*** Opening of Supplied information ***

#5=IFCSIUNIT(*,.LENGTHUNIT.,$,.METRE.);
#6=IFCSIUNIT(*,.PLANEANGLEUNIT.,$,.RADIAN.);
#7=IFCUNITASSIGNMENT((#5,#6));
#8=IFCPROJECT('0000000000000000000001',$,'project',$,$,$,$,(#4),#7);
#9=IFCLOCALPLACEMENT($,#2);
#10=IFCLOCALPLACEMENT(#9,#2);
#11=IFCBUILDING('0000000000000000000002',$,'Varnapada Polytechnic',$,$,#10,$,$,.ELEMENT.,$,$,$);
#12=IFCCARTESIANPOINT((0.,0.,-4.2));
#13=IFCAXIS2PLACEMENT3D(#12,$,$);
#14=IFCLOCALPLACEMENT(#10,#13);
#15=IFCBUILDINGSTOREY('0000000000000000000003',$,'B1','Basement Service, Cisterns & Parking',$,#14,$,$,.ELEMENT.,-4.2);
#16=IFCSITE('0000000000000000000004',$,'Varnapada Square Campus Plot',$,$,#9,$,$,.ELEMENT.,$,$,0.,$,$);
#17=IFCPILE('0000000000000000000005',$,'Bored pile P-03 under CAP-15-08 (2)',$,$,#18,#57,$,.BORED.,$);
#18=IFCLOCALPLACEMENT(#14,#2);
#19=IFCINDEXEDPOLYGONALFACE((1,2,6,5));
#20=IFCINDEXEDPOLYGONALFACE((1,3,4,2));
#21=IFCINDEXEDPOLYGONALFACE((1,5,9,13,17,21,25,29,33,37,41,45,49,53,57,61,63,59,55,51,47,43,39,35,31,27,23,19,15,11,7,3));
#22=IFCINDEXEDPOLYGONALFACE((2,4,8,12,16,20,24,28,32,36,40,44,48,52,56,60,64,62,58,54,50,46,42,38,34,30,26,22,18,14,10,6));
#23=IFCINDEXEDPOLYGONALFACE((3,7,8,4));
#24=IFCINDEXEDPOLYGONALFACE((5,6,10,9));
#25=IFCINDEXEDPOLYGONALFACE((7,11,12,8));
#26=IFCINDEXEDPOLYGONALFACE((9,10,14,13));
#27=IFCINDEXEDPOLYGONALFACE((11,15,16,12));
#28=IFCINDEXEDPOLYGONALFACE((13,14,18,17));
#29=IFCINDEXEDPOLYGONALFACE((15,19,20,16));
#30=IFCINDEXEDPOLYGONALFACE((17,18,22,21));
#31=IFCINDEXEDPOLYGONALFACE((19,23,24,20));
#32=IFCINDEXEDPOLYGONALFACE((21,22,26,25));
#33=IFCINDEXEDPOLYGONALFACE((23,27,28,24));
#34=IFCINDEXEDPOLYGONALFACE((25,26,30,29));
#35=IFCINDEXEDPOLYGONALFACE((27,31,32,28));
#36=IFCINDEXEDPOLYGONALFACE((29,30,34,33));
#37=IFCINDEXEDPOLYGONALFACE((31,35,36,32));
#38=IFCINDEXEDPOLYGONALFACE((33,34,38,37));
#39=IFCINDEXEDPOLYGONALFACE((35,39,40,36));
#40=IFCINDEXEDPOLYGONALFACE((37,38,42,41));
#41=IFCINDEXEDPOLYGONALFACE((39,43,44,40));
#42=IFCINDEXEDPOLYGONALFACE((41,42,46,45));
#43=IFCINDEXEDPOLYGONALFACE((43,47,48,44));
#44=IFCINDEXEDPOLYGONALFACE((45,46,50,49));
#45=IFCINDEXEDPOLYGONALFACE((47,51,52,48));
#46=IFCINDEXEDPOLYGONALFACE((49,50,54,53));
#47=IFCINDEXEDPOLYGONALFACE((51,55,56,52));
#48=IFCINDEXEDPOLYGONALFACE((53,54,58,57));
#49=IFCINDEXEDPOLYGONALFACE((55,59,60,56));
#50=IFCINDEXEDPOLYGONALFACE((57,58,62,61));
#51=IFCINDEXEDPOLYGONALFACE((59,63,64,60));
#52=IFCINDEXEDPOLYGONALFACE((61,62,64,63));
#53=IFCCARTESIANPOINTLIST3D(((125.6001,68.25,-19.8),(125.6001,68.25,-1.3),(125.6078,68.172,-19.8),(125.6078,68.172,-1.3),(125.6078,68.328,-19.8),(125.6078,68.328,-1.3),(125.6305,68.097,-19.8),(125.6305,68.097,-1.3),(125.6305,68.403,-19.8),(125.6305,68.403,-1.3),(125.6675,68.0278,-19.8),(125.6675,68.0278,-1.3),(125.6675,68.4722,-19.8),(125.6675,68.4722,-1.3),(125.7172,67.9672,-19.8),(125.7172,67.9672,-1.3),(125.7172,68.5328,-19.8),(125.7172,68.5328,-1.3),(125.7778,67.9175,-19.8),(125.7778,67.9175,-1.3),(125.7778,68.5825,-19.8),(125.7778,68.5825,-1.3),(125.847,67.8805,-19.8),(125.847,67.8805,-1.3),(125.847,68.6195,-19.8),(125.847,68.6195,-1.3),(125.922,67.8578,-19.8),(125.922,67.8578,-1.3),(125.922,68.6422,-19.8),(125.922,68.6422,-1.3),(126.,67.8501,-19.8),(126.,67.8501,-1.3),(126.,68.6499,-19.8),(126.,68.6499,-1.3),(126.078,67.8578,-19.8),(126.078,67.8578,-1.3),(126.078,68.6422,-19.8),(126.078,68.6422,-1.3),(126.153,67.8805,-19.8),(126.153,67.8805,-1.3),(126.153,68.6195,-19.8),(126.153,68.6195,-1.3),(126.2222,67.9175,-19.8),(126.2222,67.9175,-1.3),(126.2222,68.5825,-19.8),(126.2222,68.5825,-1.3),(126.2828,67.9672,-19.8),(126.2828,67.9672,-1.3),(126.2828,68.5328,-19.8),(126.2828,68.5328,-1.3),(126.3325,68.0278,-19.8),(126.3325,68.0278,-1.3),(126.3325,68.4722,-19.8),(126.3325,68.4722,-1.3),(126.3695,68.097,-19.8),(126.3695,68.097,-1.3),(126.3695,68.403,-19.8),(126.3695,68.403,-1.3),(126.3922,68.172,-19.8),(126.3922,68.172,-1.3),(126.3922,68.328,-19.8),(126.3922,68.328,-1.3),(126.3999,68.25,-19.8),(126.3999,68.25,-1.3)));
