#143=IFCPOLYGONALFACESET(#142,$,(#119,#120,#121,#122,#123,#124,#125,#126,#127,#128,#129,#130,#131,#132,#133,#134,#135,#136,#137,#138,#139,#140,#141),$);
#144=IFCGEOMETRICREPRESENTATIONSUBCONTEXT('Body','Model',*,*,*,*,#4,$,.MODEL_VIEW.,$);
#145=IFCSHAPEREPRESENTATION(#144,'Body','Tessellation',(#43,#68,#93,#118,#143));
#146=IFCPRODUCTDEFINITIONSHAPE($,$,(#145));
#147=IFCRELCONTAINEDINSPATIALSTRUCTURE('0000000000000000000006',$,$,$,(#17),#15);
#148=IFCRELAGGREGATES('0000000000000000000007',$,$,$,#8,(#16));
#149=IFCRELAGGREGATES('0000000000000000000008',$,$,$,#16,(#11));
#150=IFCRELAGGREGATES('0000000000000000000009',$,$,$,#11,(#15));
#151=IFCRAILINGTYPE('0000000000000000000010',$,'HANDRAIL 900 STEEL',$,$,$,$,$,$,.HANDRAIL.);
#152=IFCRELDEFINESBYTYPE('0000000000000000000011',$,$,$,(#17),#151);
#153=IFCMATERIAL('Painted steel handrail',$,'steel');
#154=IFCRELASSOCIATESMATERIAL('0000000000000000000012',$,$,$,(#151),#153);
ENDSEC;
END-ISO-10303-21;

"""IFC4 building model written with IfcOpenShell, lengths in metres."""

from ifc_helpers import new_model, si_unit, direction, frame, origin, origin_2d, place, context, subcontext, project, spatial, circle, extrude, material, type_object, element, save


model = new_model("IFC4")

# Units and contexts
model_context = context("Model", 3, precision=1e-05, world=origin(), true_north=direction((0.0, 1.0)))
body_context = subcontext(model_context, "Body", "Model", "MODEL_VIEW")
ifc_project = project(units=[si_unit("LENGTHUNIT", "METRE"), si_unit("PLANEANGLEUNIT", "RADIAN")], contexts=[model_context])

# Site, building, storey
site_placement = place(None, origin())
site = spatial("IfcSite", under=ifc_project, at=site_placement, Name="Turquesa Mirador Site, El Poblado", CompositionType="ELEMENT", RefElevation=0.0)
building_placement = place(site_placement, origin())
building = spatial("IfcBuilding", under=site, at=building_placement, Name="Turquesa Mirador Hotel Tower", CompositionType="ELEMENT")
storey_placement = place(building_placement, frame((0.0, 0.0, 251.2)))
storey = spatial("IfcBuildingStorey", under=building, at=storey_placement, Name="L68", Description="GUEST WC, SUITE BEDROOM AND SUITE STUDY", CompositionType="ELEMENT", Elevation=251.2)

*** Close of Supplied information ***

Required action:
Figure out how many lines in the entries above contain "IFCRELAGGREGATES". Write only that number.

Answer space:
3